• Study material:
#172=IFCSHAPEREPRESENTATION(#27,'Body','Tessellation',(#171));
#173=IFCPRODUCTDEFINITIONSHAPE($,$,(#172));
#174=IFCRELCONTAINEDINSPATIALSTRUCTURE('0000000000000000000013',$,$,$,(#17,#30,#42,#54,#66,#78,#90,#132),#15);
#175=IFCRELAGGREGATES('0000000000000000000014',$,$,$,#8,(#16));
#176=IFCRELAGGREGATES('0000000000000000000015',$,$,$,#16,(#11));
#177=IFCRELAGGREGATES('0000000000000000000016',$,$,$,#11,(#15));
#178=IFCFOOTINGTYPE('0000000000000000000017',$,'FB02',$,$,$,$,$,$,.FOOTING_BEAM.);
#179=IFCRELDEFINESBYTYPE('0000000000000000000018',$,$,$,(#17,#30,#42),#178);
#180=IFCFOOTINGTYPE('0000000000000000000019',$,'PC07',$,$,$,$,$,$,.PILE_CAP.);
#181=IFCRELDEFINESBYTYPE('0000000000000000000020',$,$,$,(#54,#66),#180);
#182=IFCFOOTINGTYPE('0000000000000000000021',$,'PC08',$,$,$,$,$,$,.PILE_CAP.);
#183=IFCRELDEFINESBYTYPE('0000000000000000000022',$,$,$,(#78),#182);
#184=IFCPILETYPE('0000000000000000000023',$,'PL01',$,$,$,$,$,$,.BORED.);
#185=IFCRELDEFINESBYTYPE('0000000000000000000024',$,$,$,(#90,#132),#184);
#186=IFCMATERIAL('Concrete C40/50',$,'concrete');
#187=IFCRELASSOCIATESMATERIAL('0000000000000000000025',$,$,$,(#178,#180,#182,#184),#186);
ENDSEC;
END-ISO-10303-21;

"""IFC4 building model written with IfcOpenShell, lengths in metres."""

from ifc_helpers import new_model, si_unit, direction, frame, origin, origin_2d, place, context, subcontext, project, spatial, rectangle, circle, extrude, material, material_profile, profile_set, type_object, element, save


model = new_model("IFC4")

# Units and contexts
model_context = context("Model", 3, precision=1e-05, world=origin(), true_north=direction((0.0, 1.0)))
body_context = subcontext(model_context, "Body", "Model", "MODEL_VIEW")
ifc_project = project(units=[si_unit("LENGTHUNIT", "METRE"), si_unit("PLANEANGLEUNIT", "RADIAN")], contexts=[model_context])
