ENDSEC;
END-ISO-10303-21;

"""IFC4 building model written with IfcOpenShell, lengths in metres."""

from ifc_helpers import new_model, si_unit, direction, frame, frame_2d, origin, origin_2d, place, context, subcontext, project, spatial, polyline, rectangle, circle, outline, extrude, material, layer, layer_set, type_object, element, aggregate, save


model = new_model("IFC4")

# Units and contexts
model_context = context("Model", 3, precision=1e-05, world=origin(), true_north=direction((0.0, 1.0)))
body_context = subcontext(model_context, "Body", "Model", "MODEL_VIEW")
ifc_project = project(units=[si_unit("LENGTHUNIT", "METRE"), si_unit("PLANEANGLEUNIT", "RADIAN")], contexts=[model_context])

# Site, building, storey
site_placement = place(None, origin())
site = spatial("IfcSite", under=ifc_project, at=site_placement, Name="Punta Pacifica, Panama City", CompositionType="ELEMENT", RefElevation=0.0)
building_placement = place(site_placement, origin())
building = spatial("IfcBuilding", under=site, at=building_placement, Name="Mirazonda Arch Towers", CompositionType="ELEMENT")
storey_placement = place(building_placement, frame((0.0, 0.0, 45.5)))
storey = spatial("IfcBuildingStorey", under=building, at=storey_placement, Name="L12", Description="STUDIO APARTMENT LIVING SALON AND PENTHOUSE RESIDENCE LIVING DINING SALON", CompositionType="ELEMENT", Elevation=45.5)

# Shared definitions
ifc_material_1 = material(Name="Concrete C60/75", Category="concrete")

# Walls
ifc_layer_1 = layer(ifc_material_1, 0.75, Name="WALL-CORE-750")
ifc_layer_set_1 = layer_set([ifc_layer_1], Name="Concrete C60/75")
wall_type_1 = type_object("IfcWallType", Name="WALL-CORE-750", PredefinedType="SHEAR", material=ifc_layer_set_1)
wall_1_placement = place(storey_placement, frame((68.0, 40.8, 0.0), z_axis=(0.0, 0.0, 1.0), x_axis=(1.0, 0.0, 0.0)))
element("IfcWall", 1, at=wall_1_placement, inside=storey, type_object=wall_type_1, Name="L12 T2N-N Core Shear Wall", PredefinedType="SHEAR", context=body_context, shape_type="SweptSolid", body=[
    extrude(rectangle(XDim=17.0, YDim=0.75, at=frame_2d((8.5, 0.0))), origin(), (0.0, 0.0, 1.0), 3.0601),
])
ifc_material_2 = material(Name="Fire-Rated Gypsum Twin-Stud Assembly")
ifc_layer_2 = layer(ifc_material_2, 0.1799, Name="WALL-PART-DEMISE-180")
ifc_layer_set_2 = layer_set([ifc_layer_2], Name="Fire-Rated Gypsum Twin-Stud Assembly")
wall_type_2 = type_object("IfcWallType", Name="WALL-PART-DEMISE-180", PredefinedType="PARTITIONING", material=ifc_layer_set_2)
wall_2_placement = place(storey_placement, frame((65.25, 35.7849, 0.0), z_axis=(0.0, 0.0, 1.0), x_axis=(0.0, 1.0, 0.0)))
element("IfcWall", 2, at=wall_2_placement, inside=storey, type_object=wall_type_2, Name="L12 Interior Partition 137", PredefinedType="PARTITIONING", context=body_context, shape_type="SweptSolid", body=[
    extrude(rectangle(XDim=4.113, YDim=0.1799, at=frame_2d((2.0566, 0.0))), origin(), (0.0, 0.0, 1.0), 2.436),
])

• Problem description: Copy the full listing exactly.

• Solution below:
#172=IFCSHAPEREPRESENTATION(#27,'Body','Tessellation',(#171));
#173=IFCPRODUCTDEFINITIONSHAPE($,$,(#172));
#174=IFCRELCONTAINEDINSPATIALSTRUCTURE('0000000000000000000013',$,$,$,(#17,#30,#42,#54,#66,#78,#90,#132),#15);
#175=IFCRELAGGREGATES('0000000000000000000014',$,$,$,#8,(#16));
#176=IFCRELAGGREGATES('0000000000000000000015',$,$,$,#16,(#11));
#177=IFCRELAGGREGATES('0000000000000000000016',$,$,$,#11,(#15));
#178=IFCFOOTINGTYPE('0000000000000000000017',$,'FB02',$,$,$,$,$,$,.FOOTING_BEAM.);
#179=IFCRELDEFINESBYTYPE('0000000000000000000018',$,$,$,(#17,#30,#42),#178);
#180=IFCFOOTINGTYPE('0000000000000000000019',$,'PC07',$,$,$,$,$,$,.PILE_CAP.);
#181=IFCRELDEFINESBYTYPE('0000000000000000000020',$,$,$,(#54,#66),#180);
#182=IFCFOOTINGTYPE('0000000000000000000021',$,'PC08',$,$,$,$,$,$,.PILE_CAP.);
#183=IFCRELDEFINESBYTYPE('0000000000000000000022',$,$,$,(#78),#182);
#184=IFCPILETYPE('0000000000000000000023',$,'PL01',$,$,$,$,$,$,.BORED.);
#185=IFCRELDEFINESBYTYPE('0000000000000000000024',$,$,$,(#90,#132),#184);
#186=IFCMATERIAL('Concrete C40/50',$,'concrete');
#187=IFCRELASSOCIATESMATERIAL('0000000000000000000025',$,$,$,(#178,#180,#182,#184),#186);
ENDSEC;
END-ISO-10303-21;

"""IFC4 building model written with IfcOpenShell, lengths in metres."""

from ifc_helpers import new_model, si_unit, direction, frame, origin, origin_2d, place, context, subcontext, project, spatial, rectangle, circle, extrude, material, material_profile, profile_set, type_object, element, save


model = new_model("IFC4")

# Units and contexts
model_context = context("Model", 3, precision=1e-05, world=origin(), true_north=direction((0.0, 1.0)))
body_context = subcontext(model_context, "Body", "Model", "MODEL_VIEW")
ifc_project = project(units=[si_unit("LENGTHUNIT", "METRE"), si_unit("PLANEANGLEUNIT", "RADIAN")], contexts=[model_context])
ENDSEC;
END-ISO-10303-21;

"""IFC4 building model written with IfcOpenShell, lengths in metres."""

from ifc_helpers import new_model, si_unit, direction, frame, frame_2d, origin, origin_2d, place, context, subcontext, project, spatial, polyline, rectangle, circle, outline, extrude, material, layer, layer_set, type_object, element, aggregate, save


model = new_model("IFC4")

# Units and contexts
model_context = context("Model", 3, precision=1e-05, world=origin(), true_north=direction((0.0, 1.0)))
body_context = subcontext(model_context, "Body", "Model", "MODEL_VIEW")
ifc_project = project(units=[si_unit("LENGTHUNIT", "METRE"), si_unit("PLANEANGLEUNIT", "RADIAN")], contexts=[model_context])

# Site, building, storey
site_placement = place(None, origin())
site = spatial("IfcSite", under=ifc_project, at=site_placement, Name="Punta Pacifica, Panama City", CompositionType="ELEMENT", RefElevation=0.0)
building_placement = place(site_placement, origin())
building = spatial("IfcBuilding", under=site, at=building_placement, Name="Mirazonda Arch Towers", CompositionType="ELEMENT")
storey_placement = place(building_placement, frame((0.0, 0.0, 45.5)))
storey = spatial("IfcBuildingStorey", under=building, at=storey_placement, Name="L12", Description="STUDIO APARTMENT LIVING SALON AND PENTHOUSE RESIDENCE LIVING DINING SALON", CompositionType="ELEMENT", Elevation=45.5)

# Shared definitions
ifc_material_1 = material(Name="Concrete C60/75", Category="concrete")

# Walls
ifc_layer_1 = layer(ifc_material_1, 0.75, Name="WALL-CORE-750")
ifc_layer_set_1 = layer_set([ifc_layer_1], Name="Concrete C60/75")
wall_type_1 = type_object("IfcWallType", Name="WALL-CORE-750", PredefinedType="SHEAR", material=ifc_layer_set_1)
wall_1_placement = place(storey_placement, frame((68.0, 40.8, 0.0), z_axis=(0.0, 0.0, 1.0), x_axis=(1.0, 0.0, 0.0)))
element("IfcWall", 1, at=wall_1_placement, inside=storey, type_object=wall_type_1, Name="L12 T2N-N Core Shear Wall", PredefinedType="SHEAR", context=body_context, shape_type="SweptSolid", body=[
    extrude(rectangle(XDim=17.0, YDim=0.75, at=frame_2d((8.5, 0.0))), origin(), (0.0, 0.0, 1.0), 3.0601),
])
ifc_material_2 = material(Name="Fire-Rated Gypsum Twin-Stud Assembly")
ifc_layer_2 = layer(ifc_material_2, 0.1799, Name="WALL-PART-DEMISE-180")
ifc_layer_set_2 = layer_set([ifc_layer_2], Name="Fire-Rated Gypsum Twin-Stud Assembly")
wall_type_2 = type_object("IfcWallType", Name="WALL-PART-DEMISE-180", PredefinedType="PARTITIONING", material=ifc_layer_set_2)
wall_2_placement = place(storey_placement, frame((65.25, 35.7849, 0.0), z_axis=(0.0, 0.0, 1.0), x_axis=(0.0, 1.0, 0.0)))
element("IfcWall", 2, at=wall_2_placement, inside=storey, type_object=wall_type_2, Name="L12 Interior Partition 137", PredefinedType="PARTITIONING", context=body_context, shape_type="SweptSolid", body=[
    extrude(rectangle(XDim=4.113, YDim=0.1799, at=frame_2d((2.0566, 0.0))), origin(), (0.0, 0.0, 1.0), 2.436),
])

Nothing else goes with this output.